▶ **TASK TO COMPLETE**: Every line of the entries with the word "Tessellation" in it should be shown.
[Start of section]
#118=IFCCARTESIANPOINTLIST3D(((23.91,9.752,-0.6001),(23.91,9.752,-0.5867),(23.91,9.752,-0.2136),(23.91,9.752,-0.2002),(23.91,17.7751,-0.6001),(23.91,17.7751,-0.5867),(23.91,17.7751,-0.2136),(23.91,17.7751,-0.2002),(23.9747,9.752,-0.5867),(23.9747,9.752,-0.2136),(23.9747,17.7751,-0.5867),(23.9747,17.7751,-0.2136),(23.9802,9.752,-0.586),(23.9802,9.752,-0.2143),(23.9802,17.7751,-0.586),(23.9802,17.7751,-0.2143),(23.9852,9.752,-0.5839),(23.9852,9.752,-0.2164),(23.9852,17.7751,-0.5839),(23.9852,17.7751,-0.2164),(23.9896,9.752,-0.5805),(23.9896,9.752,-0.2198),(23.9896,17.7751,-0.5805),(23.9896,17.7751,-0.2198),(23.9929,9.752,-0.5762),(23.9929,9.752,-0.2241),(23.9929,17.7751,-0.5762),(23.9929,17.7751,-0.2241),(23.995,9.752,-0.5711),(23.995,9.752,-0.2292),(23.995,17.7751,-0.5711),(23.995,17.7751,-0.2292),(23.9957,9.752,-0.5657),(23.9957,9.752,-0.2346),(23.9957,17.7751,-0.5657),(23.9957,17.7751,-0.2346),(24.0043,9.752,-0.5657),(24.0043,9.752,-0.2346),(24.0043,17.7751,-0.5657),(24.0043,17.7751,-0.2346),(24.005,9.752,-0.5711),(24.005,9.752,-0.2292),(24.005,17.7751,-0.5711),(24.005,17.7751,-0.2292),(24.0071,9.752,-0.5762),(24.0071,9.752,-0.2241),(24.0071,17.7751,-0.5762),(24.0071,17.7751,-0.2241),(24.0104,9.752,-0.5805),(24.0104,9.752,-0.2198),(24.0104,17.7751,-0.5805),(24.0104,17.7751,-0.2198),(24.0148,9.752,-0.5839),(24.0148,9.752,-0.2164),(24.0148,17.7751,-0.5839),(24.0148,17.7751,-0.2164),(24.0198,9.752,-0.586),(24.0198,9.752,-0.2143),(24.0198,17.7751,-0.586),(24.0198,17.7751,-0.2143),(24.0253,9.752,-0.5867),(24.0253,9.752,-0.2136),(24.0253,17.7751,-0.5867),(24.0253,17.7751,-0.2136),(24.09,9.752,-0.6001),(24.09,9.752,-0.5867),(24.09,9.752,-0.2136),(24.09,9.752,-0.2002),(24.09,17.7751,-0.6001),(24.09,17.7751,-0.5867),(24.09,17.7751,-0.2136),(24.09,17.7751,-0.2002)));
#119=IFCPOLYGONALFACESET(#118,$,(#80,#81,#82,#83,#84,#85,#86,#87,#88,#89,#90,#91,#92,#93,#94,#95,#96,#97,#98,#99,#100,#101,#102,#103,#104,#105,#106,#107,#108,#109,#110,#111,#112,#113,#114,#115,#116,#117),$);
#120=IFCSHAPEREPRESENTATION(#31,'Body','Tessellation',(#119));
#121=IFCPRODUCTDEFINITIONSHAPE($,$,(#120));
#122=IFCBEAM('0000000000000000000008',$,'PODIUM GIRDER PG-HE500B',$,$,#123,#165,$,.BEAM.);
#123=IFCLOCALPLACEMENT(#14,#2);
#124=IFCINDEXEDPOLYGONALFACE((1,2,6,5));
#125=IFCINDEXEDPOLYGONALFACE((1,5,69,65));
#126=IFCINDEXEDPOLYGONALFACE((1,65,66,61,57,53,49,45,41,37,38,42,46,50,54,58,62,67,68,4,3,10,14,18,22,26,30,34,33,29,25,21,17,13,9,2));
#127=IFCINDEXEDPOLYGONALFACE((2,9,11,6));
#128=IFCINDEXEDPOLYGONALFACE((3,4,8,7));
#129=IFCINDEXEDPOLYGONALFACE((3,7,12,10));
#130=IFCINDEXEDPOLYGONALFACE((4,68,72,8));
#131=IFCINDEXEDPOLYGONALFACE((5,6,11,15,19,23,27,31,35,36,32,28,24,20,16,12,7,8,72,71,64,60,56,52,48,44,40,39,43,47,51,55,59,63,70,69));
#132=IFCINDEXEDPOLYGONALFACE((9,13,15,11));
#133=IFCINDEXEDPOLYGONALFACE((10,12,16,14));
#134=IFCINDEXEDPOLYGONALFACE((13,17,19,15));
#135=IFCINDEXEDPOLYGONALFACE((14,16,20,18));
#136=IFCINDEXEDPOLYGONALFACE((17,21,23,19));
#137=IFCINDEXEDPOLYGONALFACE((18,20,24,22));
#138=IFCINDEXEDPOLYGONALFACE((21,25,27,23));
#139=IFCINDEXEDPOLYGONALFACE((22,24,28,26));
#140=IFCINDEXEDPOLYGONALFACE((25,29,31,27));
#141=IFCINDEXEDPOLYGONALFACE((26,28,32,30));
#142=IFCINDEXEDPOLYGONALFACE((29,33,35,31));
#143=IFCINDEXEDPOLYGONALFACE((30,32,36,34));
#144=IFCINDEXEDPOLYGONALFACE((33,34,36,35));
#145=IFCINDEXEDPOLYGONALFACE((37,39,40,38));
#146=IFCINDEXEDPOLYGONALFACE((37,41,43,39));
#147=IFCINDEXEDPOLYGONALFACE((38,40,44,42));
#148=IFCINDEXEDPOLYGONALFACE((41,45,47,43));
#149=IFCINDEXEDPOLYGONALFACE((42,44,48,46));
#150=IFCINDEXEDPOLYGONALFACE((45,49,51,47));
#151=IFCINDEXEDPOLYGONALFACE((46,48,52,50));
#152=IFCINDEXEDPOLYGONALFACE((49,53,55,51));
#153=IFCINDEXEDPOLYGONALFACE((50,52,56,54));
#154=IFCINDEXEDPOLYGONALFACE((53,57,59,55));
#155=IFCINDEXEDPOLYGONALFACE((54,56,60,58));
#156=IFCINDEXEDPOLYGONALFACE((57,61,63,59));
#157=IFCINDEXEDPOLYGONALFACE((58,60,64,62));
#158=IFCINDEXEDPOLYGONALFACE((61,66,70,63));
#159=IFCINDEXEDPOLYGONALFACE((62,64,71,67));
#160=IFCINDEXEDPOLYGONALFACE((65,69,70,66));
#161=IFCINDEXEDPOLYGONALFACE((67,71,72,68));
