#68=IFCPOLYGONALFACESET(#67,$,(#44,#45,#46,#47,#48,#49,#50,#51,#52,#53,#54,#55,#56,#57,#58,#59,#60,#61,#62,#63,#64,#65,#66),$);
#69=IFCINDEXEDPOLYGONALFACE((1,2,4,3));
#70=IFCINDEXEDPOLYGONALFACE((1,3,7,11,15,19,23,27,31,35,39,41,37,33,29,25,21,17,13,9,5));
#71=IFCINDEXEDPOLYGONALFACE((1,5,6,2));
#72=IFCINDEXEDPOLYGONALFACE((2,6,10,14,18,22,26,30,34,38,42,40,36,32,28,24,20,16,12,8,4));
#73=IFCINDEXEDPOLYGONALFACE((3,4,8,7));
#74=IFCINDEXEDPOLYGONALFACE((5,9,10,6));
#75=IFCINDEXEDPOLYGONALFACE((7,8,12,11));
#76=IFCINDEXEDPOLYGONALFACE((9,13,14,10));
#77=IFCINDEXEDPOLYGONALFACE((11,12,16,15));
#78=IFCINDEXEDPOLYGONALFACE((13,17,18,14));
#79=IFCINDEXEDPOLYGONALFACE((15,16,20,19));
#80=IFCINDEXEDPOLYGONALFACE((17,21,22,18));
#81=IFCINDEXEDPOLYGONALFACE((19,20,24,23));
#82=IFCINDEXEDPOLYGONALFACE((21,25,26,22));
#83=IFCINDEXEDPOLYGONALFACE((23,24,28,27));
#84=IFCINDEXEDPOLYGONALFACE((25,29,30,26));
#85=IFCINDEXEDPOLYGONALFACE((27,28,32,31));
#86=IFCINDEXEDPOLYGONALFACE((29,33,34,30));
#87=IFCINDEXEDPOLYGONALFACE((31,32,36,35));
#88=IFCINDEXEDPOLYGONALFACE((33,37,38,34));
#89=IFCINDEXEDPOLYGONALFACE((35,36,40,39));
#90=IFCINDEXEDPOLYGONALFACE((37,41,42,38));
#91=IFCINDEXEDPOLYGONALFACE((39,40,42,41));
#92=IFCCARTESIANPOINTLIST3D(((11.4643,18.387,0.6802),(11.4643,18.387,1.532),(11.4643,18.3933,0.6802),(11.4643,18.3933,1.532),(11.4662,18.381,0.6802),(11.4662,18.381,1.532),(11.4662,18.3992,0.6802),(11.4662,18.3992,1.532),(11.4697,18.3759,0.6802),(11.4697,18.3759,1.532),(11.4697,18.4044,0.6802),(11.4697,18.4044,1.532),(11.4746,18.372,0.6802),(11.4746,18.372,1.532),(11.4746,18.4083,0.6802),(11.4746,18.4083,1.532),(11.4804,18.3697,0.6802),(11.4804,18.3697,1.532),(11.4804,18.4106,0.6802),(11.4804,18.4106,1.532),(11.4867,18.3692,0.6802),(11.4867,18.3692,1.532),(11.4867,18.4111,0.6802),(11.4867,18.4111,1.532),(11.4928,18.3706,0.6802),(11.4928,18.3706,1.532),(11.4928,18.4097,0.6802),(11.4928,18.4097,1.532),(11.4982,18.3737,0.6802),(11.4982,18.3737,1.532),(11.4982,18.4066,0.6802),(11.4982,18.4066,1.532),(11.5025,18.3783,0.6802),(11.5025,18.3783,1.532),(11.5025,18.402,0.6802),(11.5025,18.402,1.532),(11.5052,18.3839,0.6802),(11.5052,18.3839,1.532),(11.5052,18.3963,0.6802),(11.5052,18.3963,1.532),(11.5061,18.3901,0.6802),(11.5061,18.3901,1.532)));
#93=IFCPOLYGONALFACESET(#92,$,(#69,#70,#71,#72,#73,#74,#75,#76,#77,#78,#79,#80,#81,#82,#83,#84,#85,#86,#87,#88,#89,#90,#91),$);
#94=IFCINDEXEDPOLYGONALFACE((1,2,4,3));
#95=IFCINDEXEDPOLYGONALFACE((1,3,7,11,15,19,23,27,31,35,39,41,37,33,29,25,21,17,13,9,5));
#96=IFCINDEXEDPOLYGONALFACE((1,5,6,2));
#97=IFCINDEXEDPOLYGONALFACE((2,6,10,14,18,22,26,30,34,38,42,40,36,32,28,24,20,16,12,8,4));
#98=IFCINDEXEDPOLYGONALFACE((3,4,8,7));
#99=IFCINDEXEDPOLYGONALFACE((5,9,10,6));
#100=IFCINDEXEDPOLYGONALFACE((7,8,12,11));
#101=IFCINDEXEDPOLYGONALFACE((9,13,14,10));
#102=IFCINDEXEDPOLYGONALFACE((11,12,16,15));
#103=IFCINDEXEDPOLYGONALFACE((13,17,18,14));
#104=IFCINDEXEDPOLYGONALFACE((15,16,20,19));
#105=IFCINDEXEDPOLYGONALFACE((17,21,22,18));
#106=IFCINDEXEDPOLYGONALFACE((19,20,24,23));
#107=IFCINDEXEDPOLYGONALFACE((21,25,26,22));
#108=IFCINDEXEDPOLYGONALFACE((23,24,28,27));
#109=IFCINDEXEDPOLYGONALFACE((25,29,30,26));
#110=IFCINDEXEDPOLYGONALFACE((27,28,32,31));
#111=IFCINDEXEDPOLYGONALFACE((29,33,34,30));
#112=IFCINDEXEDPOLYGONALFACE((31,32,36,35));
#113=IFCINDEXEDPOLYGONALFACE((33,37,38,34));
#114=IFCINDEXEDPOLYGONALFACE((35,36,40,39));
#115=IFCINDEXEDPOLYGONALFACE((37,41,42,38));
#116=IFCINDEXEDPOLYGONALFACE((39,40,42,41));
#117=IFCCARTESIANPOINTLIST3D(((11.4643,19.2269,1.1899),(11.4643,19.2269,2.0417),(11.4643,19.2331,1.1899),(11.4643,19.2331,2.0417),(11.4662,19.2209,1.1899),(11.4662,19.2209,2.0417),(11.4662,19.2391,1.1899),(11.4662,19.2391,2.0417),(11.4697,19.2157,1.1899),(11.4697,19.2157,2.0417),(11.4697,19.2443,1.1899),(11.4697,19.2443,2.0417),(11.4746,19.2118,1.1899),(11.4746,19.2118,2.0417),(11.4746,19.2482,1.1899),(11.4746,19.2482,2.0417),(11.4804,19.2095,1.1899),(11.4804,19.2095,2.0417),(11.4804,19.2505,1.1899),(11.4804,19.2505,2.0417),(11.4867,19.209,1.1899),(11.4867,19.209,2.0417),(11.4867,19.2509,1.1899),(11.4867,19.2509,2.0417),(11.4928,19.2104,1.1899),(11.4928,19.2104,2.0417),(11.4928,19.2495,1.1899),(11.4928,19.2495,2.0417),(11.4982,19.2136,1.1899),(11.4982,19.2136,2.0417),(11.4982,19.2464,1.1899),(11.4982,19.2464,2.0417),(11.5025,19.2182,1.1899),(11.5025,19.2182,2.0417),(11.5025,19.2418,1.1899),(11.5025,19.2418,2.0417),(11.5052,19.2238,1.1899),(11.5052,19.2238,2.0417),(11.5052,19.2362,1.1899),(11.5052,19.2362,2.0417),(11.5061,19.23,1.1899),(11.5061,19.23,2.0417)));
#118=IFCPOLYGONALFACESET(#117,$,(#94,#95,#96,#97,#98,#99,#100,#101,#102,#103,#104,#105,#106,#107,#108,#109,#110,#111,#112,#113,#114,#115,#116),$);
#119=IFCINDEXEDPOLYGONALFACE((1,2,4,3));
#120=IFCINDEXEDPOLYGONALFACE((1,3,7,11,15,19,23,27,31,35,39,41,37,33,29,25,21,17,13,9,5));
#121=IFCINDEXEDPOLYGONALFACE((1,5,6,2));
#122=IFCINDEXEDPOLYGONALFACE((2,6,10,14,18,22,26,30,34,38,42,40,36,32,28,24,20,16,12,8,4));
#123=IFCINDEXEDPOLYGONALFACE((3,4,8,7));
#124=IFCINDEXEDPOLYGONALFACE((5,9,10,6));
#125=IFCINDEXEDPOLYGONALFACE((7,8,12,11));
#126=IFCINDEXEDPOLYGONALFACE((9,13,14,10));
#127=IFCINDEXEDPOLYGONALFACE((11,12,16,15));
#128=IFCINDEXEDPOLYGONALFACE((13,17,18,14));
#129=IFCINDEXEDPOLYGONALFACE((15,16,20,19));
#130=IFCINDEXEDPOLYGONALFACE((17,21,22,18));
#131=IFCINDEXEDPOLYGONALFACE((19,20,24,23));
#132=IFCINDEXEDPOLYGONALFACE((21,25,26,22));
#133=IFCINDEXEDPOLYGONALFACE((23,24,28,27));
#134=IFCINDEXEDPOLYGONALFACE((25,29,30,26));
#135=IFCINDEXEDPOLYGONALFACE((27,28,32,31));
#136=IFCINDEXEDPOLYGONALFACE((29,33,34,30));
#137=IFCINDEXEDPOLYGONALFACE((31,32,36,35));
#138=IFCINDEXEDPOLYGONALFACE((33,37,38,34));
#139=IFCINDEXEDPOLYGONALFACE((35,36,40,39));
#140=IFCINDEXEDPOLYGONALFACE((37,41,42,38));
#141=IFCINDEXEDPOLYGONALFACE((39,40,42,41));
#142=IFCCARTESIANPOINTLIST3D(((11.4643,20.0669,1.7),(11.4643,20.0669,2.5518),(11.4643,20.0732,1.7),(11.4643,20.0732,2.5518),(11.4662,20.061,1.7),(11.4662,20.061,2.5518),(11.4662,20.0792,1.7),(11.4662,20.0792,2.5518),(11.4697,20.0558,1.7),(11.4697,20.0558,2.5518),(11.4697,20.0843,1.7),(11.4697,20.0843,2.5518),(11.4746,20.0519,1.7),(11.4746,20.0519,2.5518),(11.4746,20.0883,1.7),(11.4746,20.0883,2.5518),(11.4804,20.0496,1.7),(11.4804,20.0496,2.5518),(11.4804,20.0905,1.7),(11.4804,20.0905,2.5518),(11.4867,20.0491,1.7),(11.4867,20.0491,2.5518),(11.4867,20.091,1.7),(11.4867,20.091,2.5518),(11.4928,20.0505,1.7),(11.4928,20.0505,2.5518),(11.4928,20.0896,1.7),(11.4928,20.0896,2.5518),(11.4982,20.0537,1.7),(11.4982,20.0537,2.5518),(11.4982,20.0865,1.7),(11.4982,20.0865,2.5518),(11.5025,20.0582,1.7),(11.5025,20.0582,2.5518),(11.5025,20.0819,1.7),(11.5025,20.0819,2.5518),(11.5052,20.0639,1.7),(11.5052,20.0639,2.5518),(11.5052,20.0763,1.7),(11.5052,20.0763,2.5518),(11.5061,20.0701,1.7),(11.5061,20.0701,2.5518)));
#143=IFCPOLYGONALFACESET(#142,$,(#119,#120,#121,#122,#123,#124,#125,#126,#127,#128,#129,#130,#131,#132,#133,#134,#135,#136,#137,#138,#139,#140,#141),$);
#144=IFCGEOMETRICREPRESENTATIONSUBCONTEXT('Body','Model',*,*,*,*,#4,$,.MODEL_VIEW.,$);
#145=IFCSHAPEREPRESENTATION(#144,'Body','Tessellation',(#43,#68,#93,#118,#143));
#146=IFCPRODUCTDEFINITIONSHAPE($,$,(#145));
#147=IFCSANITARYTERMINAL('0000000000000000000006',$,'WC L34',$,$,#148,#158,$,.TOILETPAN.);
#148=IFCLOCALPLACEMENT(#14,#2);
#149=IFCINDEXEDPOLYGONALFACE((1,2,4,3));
[End of section]
▶ **EXERCISE RESPONSE**:
#120=IFCSHAPEREPRESENTATION(#31,'Body','Tessellation',(#119));
#145=IFCSHAPEREPRESENTATION(#144,'Body','Tessellation',(#43,#68,#93,#118,#143));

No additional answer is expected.